***** TASK INPUT *****

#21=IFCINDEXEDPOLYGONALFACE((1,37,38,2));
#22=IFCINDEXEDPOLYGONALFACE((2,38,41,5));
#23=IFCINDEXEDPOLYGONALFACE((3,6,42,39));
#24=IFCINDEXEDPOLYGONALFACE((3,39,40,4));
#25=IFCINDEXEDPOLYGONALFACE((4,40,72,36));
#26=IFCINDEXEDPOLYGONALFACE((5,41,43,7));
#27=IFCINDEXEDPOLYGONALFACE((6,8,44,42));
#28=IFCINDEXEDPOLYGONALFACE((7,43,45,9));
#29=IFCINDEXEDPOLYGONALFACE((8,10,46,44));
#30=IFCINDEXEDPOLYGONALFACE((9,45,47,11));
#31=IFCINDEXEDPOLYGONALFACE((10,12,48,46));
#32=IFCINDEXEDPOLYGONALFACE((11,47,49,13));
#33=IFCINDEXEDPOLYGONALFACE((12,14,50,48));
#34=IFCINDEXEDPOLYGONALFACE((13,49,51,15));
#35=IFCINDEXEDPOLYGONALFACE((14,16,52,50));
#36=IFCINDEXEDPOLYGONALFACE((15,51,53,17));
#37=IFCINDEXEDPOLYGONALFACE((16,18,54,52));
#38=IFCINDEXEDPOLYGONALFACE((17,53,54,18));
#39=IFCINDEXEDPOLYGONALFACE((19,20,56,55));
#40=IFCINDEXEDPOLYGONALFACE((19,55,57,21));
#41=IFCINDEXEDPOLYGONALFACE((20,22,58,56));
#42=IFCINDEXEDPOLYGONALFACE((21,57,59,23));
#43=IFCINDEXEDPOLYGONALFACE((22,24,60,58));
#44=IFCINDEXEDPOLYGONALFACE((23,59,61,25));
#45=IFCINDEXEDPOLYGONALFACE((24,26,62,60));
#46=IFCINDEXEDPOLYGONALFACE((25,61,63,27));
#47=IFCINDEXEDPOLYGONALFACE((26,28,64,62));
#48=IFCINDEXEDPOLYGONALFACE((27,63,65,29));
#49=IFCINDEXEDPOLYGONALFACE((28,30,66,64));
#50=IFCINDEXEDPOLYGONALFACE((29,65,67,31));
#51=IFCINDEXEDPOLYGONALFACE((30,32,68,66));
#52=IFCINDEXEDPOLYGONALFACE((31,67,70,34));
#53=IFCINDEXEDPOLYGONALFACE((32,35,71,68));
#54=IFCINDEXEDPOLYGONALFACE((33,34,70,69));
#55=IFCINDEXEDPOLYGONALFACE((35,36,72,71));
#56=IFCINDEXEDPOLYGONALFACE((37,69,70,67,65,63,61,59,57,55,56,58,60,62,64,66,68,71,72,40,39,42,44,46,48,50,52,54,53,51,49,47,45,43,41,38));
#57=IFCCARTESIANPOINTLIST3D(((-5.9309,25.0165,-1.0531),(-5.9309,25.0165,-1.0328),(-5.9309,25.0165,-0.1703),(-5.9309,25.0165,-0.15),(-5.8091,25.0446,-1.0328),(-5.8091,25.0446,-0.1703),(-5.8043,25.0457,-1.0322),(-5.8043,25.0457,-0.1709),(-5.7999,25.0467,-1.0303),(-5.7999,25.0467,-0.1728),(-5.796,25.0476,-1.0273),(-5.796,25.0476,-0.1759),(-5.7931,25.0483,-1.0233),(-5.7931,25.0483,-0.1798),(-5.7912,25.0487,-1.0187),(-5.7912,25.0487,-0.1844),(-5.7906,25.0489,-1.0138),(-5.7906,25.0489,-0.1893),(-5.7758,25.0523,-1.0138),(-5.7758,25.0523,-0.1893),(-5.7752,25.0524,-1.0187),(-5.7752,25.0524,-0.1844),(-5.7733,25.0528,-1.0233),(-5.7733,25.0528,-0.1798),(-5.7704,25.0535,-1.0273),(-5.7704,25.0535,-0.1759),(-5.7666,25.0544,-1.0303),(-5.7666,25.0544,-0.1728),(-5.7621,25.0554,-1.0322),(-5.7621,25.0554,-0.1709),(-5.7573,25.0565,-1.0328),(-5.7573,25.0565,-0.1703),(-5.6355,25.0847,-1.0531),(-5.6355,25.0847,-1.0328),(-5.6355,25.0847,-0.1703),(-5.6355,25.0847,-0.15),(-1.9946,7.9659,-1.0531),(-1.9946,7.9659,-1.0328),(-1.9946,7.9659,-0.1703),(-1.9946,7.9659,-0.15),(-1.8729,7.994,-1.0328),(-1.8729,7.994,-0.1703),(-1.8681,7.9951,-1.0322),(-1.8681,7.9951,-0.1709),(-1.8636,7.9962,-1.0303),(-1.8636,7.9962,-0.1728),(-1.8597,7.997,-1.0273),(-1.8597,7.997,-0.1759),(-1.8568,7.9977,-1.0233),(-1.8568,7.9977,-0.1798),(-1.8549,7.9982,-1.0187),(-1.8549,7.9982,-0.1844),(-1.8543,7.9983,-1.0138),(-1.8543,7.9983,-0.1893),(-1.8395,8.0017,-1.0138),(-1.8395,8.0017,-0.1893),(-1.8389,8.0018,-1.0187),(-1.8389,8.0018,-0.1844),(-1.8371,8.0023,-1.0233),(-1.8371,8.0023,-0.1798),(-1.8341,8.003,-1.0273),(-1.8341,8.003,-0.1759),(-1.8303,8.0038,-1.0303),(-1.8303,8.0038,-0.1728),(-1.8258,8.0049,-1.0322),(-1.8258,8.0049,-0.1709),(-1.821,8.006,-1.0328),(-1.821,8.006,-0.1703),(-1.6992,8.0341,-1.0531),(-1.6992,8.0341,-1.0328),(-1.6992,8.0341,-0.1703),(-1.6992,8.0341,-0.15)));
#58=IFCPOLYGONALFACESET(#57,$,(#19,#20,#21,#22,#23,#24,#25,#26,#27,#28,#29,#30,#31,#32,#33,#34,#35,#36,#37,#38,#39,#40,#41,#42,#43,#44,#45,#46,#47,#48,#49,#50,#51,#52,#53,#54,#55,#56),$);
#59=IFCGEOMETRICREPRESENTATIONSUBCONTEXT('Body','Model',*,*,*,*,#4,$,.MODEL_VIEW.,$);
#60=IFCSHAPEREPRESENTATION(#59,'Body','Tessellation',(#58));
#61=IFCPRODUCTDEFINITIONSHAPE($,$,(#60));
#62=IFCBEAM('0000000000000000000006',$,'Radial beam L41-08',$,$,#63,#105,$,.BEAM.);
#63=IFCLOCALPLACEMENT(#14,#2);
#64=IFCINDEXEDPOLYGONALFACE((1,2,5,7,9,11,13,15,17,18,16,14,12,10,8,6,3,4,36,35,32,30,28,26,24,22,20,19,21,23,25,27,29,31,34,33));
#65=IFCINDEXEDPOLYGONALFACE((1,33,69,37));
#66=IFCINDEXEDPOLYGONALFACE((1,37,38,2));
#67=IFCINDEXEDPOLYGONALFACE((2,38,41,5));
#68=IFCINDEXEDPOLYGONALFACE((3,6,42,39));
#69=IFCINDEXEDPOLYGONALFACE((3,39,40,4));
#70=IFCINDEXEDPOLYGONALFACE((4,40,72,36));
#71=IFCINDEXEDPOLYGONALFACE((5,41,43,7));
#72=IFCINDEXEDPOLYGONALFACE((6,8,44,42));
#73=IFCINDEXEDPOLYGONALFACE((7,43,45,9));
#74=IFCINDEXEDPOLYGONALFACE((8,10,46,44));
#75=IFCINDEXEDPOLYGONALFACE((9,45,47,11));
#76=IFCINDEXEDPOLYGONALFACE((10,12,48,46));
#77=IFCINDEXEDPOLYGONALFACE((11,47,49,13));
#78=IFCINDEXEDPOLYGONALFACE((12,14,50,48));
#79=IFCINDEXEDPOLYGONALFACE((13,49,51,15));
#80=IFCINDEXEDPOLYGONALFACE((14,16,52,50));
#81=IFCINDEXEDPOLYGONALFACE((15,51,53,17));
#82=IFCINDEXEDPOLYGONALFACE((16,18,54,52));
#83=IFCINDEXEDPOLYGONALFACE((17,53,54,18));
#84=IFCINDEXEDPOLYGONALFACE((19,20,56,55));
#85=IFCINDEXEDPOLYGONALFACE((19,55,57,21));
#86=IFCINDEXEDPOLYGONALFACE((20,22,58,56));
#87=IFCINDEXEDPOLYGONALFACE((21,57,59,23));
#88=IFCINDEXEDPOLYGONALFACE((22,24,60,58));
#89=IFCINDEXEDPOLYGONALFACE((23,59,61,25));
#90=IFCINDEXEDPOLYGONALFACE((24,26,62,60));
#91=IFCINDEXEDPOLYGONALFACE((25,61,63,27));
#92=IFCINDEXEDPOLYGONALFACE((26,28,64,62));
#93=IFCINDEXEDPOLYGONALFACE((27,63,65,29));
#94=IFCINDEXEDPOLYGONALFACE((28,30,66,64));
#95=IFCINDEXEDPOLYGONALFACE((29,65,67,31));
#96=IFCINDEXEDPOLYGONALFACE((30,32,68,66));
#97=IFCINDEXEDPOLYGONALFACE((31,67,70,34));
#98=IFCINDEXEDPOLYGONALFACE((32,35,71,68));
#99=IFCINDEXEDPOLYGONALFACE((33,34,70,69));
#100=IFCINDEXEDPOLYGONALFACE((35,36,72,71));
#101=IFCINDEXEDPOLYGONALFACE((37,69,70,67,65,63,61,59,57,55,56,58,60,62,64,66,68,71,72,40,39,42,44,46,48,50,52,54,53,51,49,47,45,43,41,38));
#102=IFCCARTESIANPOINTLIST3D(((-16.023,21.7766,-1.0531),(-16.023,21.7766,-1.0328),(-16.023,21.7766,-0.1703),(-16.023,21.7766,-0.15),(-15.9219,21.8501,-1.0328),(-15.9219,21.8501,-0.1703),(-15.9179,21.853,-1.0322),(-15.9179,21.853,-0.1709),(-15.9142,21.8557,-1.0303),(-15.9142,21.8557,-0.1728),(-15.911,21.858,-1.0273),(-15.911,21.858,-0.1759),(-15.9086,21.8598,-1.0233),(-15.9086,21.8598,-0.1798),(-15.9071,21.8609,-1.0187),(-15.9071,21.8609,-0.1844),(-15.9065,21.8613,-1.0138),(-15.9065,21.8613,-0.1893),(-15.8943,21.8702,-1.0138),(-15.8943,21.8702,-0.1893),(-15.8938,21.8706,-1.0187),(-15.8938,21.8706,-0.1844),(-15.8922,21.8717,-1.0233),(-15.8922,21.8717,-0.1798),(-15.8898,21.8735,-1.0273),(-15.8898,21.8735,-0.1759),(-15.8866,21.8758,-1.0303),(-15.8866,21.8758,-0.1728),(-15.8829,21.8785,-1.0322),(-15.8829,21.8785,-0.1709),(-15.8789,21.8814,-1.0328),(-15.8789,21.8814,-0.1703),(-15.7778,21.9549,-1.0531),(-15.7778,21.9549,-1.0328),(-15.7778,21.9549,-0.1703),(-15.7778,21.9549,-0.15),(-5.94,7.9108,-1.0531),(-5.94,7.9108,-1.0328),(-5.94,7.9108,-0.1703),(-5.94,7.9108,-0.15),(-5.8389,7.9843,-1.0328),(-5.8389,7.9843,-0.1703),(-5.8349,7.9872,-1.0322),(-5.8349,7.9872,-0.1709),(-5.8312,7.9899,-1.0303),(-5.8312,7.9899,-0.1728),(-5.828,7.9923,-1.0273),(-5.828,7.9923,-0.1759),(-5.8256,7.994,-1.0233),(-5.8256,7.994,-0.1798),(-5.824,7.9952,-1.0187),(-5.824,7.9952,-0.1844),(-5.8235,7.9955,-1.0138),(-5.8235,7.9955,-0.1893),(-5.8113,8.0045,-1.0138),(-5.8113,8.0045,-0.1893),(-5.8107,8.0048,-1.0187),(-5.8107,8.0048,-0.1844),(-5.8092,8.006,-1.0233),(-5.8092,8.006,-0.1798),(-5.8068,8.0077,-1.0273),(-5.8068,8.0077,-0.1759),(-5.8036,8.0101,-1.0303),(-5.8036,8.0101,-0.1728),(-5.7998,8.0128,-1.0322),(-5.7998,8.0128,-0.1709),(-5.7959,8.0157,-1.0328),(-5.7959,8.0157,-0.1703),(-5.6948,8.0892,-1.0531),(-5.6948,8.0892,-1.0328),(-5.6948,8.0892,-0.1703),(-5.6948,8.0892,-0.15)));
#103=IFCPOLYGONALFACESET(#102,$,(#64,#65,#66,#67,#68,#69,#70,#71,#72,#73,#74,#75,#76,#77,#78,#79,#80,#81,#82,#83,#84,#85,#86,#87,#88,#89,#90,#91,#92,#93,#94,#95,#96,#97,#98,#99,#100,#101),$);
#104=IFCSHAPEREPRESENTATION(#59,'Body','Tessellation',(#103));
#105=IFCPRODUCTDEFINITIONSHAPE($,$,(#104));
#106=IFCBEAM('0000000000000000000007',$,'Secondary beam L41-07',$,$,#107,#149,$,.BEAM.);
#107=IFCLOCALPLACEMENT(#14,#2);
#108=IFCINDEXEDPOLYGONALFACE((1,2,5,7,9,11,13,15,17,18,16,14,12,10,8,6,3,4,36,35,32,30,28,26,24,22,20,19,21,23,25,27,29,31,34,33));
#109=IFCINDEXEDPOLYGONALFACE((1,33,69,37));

*****

» **TASK DETAILS**:
The required output is each line of the entries that contains the word "IFCLOCALPLACEMENT".

» **OUTPUT OF THE TASK**:
#63=IFCLOCALPLACEMENT(#14,#2);
#107=IFCLOCALPLACEMENT(#14,#2);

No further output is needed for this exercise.